Data section:
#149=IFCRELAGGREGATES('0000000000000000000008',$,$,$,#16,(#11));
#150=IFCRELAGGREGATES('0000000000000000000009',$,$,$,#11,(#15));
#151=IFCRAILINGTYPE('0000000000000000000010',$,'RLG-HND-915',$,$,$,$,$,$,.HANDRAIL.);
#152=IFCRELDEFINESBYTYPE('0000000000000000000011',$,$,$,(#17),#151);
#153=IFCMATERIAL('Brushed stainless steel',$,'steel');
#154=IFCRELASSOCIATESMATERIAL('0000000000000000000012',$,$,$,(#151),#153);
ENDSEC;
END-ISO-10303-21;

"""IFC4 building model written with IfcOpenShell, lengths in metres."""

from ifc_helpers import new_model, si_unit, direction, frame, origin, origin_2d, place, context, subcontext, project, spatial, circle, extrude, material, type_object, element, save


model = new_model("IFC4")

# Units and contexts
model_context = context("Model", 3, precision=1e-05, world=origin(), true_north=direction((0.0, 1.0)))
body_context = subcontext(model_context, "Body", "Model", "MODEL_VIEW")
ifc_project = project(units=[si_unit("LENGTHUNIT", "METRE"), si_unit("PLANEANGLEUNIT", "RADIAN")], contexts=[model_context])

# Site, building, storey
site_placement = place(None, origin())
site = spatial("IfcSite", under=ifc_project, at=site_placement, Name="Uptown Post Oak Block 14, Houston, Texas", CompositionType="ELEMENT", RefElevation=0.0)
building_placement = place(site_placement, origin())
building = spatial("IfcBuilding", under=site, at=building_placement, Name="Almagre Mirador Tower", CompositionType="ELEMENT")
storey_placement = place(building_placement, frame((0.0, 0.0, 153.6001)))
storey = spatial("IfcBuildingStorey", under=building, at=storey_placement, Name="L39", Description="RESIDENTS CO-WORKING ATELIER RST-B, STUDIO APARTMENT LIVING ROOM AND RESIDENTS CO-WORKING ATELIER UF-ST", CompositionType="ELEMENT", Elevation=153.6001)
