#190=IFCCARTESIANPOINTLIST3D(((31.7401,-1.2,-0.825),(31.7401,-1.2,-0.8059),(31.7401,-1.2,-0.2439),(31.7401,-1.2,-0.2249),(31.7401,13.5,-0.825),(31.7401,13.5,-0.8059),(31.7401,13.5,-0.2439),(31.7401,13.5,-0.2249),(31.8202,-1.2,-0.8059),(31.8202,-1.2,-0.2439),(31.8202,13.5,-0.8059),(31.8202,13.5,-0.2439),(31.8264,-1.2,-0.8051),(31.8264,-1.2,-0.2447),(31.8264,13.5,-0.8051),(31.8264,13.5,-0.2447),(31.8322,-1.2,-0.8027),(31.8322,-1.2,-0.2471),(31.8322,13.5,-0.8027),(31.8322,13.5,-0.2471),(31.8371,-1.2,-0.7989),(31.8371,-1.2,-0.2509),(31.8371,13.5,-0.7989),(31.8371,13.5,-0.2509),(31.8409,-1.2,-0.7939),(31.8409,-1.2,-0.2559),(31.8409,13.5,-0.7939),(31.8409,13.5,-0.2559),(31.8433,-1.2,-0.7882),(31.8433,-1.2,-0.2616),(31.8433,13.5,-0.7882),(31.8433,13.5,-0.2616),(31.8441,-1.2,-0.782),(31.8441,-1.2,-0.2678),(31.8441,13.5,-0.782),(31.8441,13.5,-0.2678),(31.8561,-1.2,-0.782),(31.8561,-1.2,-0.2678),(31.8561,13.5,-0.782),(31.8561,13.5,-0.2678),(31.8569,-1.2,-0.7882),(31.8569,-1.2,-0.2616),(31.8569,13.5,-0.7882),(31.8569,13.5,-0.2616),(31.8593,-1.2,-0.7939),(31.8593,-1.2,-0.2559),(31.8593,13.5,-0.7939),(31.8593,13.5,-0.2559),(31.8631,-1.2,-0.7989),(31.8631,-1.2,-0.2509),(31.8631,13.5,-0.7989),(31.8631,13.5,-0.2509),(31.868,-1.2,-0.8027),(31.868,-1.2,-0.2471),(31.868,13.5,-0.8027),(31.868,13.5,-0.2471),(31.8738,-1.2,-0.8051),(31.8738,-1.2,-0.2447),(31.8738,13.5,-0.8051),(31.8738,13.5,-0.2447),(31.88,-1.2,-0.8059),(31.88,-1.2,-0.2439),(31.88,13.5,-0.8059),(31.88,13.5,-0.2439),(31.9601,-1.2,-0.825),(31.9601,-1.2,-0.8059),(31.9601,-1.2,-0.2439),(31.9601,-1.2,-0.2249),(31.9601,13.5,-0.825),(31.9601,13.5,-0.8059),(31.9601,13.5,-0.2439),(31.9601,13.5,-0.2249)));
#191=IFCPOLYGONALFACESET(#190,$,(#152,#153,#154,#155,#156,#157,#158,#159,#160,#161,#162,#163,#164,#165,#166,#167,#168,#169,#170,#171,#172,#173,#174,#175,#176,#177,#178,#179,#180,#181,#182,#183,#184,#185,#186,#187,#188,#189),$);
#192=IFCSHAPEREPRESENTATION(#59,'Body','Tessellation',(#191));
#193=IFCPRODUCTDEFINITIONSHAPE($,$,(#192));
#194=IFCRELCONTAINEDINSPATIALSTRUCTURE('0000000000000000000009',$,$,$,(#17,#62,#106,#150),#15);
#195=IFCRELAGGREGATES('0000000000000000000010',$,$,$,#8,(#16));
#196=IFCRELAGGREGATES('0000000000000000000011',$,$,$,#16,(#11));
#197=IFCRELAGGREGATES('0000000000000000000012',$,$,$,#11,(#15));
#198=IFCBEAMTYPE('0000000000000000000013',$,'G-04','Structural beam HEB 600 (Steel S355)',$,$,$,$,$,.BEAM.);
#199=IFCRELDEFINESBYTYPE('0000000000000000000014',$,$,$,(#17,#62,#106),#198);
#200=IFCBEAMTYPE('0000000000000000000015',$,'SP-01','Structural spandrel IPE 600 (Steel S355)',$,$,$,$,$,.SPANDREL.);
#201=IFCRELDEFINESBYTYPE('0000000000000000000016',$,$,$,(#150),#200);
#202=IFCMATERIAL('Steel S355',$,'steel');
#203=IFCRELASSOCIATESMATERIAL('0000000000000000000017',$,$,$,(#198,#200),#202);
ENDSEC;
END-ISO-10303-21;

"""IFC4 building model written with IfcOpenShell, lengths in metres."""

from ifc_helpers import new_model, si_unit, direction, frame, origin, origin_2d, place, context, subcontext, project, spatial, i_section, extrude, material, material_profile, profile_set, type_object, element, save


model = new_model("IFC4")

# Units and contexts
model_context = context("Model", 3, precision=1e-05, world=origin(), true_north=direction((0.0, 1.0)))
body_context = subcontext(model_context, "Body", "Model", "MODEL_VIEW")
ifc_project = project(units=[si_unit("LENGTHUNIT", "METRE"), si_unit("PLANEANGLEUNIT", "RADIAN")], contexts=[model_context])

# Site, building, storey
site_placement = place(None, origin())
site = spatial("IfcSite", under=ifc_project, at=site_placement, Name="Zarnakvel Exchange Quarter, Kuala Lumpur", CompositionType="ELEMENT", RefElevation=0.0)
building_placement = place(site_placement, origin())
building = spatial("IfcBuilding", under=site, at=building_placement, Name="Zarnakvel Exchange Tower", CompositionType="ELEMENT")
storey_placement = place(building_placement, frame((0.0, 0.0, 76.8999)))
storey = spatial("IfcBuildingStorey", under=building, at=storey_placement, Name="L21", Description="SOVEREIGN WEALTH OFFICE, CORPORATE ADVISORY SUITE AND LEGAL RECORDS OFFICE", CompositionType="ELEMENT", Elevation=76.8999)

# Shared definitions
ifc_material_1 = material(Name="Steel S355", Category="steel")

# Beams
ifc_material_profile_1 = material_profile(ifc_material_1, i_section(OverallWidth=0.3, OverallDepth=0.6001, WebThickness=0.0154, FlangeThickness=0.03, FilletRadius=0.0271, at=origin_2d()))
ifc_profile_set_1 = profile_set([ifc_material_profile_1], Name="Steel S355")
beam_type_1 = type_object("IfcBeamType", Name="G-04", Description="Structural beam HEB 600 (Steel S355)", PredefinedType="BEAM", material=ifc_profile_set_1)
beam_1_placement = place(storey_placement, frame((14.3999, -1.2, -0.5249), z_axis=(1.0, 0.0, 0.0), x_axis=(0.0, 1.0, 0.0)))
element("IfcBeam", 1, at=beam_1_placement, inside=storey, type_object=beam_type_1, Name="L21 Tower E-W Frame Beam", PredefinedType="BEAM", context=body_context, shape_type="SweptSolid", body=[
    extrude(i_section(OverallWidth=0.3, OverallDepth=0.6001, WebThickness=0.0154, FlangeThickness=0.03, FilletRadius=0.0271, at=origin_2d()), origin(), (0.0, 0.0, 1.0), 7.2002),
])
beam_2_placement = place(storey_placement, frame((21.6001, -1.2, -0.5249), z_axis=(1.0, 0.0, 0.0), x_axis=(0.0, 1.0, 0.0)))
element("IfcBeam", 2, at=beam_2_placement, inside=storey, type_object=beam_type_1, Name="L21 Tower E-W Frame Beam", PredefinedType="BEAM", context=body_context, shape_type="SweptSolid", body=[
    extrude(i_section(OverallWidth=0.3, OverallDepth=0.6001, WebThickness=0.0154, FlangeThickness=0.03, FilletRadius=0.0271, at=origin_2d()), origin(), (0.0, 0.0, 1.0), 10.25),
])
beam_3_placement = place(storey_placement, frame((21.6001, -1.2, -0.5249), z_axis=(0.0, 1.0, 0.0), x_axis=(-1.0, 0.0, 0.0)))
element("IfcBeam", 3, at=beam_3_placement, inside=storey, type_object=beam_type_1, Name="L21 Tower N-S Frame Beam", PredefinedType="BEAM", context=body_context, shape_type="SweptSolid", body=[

Task brief: Set down, unchanged, only those lines above that fall between the line with "frame((0.0, 0.0, 153.6001)))" and the line with "ATELIER RST-B, STUDIO", the two end lines included.

Answer box:
storey_placement = place(building_placement, frame((0.0, 0.0, 153.6001)))
storey = spatial("IfcBuildingStorey", under=building, at=storey_placement, Name="L39", Description="RESIDENTS CO-WORKING ATELIER RST-B, STUDIO APARTMENT LIVING ROOM AND RESIDENTS CO-WORKING ATELIER UF-ST", CompositionType="ELEMENT", Elevation=153.6001)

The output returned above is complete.